WHAT YOU SHOULD DO> In the records below, find the line that contains "#17=IFCMEMBER('0000000000000000000005',$,'Main Theatre Sail" and the line that contains "#38=IFCINDEXEDPOLYGONALFACE((17,19,47,45));", then retype exactly those two lines and every line between them.

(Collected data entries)
----------------------------------------

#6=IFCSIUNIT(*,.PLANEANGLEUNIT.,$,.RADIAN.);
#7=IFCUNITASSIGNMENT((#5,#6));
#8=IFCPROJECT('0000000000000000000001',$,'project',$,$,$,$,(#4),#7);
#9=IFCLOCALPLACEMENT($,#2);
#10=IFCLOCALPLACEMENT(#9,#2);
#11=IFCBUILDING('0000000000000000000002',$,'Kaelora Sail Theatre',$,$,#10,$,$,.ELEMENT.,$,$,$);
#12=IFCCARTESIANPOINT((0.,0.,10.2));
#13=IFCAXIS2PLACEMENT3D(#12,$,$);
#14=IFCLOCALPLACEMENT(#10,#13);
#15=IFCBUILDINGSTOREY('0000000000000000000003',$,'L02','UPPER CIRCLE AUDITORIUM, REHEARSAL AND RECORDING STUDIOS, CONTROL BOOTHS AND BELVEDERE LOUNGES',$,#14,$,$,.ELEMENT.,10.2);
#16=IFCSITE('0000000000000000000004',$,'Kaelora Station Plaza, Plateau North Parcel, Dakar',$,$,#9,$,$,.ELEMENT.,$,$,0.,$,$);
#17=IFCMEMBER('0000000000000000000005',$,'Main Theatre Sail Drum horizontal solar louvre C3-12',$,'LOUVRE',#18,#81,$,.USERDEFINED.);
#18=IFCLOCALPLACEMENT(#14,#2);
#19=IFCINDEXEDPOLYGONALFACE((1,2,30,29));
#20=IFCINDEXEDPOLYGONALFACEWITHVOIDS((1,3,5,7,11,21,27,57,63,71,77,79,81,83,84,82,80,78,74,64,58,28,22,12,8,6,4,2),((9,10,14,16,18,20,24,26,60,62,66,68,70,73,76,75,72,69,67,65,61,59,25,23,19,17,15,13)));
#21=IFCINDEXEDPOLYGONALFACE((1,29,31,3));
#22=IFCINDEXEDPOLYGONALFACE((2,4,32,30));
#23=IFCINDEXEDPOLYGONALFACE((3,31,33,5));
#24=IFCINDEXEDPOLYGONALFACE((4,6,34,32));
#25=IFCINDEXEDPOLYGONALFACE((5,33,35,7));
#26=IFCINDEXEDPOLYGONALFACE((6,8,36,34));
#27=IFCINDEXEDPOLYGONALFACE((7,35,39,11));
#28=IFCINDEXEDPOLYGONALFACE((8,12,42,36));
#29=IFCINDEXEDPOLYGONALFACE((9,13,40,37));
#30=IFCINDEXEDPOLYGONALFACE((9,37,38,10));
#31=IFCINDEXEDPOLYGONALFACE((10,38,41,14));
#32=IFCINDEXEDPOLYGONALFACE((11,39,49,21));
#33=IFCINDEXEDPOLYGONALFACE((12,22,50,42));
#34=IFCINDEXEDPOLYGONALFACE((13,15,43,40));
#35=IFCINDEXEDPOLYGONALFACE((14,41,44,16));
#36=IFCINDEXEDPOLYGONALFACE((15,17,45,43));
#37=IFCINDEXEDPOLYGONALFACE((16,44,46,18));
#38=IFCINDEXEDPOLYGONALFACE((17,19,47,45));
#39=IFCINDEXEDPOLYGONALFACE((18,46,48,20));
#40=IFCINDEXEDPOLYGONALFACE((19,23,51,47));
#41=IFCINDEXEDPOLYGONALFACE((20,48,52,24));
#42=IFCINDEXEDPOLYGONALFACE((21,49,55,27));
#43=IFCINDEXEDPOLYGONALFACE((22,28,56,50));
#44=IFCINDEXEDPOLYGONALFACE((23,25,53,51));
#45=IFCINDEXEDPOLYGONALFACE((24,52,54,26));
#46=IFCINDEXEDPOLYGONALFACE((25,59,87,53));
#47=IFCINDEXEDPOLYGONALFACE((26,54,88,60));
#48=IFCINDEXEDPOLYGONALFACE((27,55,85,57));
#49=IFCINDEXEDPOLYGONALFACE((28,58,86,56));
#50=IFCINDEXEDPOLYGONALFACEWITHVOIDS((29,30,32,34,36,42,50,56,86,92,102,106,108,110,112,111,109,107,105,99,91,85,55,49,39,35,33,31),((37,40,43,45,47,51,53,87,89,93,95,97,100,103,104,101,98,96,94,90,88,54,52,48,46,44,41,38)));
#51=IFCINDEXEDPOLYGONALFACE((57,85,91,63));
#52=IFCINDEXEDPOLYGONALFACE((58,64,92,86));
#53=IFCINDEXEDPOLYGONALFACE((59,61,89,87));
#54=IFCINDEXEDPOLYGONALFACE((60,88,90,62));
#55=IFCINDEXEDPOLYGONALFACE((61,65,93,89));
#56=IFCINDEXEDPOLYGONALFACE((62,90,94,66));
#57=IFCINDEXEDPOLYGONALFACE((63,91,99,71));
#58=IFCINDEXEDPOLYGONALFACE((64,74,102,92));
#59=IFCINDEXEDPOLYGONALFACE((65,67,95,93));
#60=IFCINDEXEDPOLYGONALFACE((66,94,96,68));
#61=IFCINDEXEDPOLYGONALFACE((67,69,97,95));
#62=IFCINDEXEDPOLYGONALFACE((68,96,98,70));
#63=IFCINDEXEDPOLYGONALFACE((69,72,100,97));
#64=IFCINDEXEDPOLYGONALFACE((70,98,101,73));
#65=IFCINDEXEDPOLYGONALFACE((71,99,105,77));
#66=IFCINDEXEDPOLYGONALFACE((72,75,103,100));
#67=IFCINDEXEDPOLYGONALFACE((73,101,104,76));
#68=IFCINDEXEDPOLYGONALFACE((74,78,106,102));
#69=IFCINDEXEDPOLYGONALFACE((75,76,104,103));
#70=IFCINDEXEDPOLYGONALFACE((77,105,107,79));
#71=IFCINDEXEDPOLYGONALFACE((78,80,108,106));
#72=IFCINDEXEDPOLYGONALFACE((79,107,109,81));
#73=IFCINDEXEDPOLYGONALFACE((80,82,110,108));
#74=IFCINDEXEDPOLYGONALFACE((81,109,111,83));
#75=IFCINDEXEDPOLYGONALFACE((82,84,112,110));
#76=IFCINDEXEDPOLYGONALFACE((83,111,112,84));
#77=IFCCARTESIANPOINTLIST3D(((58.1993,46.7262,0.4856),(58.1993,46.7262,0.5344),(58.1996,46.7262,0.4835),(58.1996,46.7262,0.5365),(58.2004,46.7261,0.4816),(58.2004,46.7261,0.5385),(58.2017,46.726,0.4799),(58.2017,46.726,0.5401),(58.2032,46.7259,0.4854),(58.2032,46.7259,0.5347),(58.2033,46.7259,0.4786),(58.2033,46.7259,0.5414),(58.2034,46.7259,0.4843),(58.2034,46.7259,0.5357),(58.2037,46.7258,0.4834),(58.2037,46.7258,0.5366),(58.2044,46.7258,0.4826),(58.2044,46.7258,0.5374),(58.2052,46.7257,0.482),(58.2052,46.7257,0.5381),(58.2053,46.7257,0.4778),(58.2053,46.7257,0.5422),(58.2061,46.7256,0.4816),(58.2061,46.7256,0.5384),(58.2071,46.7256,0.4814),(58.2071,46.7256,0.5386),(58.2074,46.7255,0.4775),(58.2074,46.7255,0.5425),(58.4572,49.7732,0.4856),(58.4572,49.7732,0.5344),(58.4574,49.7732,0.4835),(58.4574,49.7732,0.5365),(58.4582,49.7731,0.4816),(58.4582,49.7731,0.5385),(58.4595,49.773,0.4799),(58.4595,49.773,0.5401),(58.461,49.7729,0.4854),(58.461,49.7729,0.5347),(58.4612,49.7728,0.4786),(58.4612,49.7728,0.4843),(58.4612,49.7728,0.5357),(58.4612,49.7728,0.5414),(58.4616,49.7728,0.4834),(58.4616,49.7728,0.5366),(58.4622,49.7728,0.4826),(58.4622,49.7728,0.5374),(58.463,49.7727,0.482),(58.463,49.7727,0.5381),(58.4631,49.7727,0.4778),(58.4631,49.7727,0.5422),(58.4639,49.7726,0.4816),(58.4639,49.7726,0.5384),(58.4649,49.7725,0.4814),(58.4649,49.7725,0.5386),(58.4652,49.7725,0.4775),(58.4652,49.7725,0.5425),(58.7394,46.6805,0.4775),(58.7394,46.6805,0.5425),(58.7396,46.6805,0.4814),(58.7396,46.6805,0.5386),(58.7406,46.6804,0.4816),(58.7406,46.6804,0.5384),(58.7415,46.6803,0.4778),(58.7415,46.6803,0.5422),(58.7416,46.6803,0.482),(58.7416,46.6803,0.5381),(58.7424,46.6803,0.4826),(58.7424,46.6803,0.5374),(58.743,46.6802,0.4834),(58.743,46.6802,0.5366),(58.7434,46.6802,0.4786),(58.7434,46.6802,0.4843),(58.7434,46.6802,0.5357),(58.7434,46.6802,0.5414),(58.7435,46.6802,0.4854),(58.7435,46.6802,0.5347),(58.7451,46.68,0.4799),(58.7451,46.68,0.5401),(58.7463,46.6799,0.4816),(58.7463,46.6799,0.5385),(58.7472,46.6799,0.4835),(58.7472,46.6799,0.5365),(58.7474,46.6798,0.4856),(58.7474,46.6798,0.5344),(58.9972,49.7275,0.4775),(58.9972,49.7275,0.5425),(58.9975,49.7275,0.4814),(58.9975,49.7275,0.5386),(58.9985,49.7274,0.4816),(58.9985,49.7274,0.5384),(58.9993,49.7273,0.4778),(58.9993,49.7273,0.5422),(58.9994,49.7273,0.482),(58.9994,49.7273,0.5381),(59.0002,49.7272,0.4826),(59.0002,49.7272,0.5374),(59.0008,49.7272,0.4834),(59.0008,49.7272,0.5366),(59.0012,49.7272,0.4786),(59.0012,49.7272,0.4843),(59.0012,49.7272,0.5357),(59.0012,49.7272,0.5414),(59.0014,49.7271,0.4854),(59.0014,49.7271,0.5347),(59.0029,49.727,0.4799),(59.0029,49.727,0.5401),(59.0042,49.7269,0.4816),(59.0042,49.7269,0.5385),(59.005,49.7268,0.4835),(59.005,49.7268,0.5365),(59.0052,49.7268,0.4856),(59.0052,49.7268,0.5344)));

----------------------------------------

ANSWER SPACE>
#17=IFCMEMBER('0000000000000000000005',$,'Main Theatre Sail Drum horizontal solar louvre C3-12',$,'LOUVRE',#18,#81,$,.USERDEFINED.);
#18=IFCLOCALPLACEMENT(#14,#2);
#19=IFCINDEXEDPOLYGONALFACE((1,2,30,29));
#20=IFCINDEXEDPOLYGONALFACEWITHVOIDS((1,3,5,7,11,21,27,57,63,71,77,79,81,83,84,82,80,78,74,64,58,28,22,12,8,6,4,2),((9,10,14,16,18,20,24,26,60,62,66,68,70,73,76,75,72,69,67,65,61,59,25,23,19,17,15,13)));
#21=IFCINDEXEDPOLYGONALFACE((1,29,31,3));
#22=IFCINDEXEDPOLYGONALFACE((2,4,32,30));
#23=IFCINDEXEDPOLYGONALFACE((3,31,33,5));
#24=IFCINDEXEDPOLYGONALFACE((4,6,34,32));
#25=IFCINDEXEDPOLYGONALFACE((5,33,35,7));
#26=IFCINDEXEDPOLYGONALFACE((6,8,36,34));
#27=IFCINDEXEDPOLYGONALFACE((7,35,39,11));
#28=IFCINDEXEDPOLYGONALFACE((8,12,42,36));
#29=IFCINDEXEDPOLYGONALFACE((9,13,40,37));
#30=IFCINDEXEDPOLYGONALFACE((9,37,38,10));
#31=IFCINDEXEDPOLYGONALFACE((10,38,41,14));
#32=IFCINDEXEDPOLYGONALFACE((11,39,49,21));
#33=IFCINDEXEDPOLYGONALFACE((12,22,50,42));
#34=IFCINDEXEDPOLYGONALFACE((13,15,43,40));
#35=IFCINDEXEDPOLYGONALFACE((14,41,44,16));
#36=IFCINDEXEDPOLYGONALFACE((15,17,45,43));
#37=IFCINDEXEDPOLYGONALFACE((16,44,46,18));
#38=IFCINDEXEDPOLYGONALFACE((17,19,47,45));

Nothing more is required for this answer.